*Prompt:* What is needed is each line of the data below that holds the string "IFCRELDEFINESBYTYPE".

*Records supplied:*
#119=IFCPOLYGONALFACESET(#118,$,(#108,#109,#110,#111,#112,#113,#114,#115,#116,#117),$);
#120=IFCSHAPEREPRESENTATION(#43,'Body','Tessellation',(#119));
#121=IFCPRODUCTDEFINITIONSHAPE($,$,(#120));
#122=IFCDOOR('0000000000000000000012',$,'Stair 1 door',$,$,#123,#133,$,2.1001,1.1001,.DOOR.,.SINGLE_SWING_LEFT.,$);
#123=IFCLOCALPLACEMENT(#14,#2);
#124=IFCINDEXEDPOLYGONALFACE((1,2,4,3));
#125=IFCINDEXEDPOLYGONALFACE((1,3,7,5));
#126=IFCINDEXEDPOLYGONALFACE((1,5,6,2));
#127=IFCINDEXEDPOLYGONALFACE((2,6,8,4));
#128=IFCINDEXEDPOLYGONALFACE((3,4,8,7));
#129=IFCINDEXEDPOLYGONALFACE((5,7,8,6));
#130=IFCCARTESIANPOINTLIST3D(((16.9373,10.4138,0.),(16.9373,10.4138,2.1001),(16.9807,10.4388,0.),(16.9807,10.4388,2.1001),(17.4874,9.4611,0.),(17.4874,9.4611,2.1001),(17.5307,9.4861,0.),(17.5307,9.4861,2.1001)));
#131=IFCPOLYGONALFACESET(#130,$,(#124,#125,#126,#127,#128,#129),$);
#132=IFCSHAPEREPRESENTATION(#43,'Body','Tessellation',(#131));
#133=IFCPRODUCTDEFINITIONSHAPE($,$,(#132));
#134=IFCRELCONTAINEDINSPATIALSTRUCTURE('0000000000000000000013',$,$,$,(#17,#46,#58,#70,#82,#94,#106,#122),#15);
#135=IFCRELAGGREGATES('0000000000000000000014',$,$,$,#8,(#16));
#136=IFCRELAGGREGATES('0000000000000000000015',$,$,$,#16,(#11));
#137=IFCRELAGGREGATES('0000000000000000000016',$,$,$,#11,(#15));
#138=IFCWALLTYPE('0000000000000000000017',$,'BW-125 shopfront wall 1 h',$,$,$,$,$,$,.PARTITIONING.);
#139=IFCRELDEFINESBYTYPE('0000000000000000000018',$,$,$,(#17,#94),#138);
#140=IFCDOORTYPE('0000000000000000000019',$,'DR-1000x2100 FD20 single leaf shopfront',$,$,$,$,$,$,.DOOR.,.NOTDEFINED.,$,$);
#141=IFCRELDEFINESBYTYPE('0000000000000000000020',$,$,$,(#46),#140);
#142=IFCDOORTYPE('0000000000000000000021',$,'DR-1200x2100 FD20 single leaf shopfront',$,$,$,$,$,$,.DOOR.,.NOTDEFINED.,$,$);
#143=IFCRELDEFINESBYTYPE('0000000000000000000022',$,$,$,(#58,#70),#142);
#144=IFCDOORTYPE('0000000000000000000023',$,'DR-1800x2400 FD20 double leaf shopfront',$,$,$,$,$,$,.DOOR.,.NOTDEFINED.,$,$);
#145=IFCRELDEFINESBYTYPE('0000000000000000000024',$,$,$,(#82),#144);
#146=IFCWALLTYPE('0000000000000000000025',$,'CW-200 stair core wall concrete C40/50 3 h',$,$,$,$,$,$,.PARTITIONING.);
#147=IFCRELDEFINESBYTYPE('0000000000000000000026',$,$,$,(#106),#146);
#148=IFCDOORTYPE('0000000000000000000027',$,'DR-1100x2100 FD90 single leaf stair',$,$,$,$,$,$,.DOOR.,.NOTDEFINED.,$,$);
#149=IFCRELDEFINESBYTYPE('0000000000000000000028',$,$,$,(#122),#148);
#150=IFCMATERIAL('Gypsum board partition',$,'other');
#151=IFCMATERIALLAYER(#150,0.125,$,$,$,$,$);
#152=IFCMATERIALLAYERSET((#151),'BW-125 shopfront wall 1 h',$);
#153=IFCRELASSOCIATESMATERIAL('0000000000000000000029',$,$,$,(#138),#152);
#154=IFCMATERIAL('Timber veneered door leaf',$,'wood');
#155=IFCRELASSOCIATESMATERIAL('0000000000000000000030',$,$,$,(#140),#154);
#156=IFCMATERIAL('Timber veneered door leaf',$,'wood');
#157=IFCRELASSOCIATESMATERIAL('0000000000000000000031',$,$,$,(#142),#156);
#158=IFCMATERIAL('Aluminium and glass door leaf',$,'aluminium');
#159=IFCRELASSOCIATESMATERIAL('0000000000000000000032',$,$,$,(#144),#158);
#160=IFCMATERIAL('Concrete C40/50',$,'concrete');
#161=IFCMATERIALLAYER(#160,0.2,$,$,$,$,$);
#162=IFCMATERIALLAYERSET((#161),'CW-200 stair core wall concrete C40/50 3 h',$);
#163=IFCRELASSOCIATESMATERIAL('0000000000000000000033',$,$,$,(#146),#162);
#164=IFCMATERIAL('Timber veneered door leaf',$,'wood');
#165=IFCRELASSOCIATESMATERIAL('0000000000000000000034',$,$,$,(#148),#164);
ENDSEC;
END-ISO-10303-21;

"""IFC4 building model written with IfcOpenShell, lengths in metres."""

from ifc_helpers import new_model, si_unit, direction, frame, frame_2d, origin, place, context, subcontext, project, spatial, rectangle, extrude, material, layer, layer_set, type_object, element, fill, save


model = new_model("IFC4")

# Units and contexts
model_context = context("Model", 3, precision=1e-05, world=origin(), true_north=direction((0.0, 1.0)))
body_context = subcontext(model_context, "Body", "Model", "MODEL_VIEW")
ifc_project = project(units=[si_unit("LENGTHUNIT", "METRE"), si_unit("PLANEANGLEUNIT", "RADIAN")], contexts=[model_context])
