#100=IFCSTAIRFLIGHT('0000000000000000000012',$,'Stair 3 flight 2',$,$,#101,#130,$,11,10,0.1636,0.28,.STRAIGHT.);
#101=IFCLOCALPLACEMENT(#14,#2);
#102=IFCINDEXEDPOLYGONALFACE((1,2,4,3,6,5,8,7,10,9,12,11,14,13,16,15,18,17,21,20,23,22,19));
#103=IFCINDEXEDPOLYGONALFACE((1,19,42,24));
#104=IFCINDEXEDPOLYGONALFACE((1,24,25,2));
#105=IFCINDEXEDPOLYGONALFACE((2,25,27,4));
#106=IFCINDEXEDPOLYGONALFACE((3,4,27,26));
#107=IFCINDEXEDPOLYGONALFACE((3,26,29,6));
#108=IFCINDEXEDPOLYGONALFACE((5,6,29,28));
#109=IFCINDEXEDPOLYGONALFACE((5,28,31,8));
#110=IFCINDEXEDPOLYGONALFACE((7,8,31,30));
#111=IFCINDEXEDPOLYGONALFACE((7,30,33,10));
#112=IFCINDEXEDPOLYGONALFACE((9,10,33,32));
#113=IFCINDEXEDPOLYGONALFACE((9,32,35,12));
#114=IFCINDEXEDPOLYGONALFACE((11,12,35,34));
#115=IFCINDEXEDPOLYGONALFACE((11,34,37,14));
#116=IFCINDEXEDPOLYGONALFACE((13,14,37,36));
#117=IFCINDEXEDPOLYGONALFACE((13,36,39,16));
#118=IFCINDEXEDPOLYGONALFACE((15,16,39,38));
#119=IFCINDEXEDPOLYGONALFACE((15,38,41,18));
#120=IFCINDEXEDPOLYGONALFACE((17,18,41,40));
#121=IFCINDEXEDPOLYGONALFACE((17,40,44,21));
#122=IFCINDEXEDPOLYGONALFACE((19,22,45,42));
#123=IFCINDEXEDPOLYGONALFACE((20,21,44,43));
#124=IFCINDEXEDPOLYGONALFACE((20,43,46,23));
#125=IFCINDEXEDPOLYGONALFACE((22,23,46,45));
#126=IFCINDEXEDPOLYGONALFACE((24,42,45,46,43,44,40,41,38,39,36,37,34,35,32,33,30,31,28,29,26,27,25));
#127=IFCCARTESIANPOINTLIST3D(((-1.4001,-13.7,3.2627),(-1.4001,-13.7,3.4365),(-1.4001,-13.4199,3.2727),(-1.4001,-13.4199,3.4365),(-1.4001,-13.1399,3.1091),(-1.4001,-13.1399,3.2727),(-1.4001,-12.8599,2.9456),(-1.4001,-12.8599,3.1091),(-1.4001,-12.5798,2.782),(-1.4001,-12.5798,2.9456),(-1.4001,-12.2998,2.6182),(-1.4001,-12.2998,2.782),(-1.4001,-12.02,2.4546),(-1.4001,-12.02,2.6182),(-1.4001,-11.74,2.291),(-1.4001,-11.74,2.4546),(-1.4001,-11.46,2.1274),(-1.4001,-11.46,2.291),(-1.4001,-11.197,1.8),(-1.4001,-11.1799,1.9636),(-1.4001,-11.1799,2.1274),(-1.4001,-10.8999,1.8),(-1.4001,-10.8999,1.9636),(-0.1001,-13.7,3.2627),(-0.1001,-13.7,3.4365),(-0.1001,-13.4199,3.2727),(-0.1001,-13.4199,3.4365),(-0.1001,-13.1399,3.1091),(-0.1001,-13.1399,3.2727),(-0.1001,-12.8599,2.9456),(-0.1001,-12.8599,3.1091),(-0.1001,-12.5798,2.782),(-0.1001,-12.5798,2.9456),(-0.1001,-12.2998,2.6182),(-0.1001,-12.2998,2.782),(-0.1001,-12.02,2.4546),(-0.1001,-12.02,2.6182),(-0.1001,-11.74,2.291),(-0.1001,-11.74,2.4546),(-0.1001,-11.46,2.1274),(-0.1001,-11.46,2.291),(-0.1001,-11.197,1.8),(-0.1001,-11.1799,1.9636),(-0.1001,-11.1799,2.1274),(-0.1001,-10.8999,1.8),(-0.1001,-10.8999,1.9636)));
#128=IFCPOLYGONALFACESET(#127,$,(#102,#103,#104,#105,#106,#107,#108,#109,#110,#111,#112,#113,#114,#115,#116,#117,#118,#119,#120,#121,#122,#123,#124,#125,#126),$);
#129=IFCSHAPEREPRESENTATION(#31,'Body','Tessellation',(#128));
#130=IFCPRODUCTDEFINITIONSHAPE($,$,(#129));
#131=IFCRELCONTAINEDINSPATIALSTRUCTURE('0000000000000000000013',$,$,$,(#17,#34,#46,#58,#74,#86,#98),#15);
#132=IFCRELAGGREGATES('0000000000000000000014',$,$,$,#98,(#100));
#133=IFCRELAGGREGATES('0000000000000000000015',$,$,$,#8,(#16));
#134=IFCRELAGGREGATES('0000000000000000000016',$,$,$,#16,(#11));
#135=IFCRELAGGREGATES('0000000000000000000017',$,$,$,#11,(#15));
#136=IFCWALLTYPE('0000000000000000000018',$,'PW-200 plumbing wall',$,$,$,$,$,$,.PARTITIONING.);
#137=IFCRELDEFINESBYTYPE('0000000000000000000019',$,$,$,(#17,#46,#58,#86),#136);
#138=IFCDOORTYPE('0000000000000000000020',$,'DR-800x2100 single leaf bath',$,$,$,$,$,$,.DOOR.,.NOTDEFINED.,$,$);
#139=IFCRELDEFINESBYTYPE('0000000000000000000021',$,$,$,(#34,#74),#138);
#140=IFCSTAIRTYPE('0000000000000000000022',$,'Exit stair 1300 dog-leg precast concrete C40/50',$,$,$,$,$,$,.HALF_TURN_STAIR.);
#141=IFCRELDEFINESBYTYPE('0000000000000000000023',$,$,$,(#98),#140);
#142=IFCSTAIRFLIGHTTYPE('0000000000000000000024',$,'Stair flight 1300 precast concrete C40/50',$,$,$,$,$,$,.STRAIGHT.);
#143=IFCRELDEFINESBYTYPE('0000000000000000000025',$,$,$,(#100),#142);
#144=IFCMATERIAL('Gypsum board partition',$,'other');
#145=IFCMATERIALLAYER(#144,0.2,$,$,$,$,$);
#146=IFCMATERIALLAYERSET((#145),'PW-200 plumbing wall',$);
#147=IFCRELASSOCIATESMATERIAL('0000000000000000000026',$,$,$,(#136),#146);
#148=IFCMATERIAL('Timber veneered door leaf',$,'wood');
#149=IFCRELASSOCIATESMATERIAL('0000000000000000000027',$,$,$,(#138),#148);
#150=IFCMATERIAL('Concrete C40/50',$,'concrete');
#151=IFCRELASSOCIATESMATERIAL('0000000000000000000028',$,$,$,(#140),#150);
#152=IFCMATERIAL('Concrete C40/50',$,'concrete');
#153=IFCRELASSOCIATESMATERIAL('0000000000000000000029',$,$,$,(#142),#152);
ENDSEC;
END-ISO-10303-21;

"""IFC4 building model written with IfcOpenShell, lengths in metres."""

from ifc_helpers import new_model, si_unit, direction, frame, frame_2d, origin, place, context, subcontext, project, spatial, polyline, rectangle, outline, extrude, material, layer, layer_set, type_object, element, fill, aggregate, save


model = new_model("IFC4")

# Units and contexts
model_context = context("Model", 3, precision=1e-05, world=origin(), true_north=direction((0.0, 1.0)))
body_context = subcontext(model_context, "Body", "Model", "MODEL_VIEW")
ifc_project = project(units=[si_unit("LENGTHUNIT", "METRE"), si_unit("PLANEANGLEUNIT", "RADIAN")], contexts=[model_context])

*Task answer:*
#139=IFCRELDEFINESBYTYPE('0000000000000000000018',$,$,$,(#17,#94),#138);
#141=IFCRELDEFINESBYTYPE('0000000000000000000020',$,$,$,(#46),#140);
#143=IFCRELDEFINESBYTYPE('0000000000000000000022',$,$,$,(#58,#70),#142);
#145=IFCRELDEFINESBYTYPE('0000000000000000000024',$,$,$,(#82),#144);
#147=IFCRELDEFINESBYTYPE('0000000000000000000026',$,$,$,(#106),#146);
#149=IFCRELDEFINESBYTYPE('0000000000000000000028',$,$,$,(#122),#148);
#137=IFCRELDEFINESBYTYPE('0000000000000000000019',$,$,$,(#17,#46,#58,#86),#136);
#139=IFCRELDEFINESBYTYPE('0000000000000000000021',$,$,$,(#34,#74),#138);
#141=IFCRELDEFINESBYTYPE('0000000000000000000023',$,$,$,(#98),#140);
#143=IFCRELDEFINESBYTYPE('0000000000000000000025',$,$,$,(#100),#142);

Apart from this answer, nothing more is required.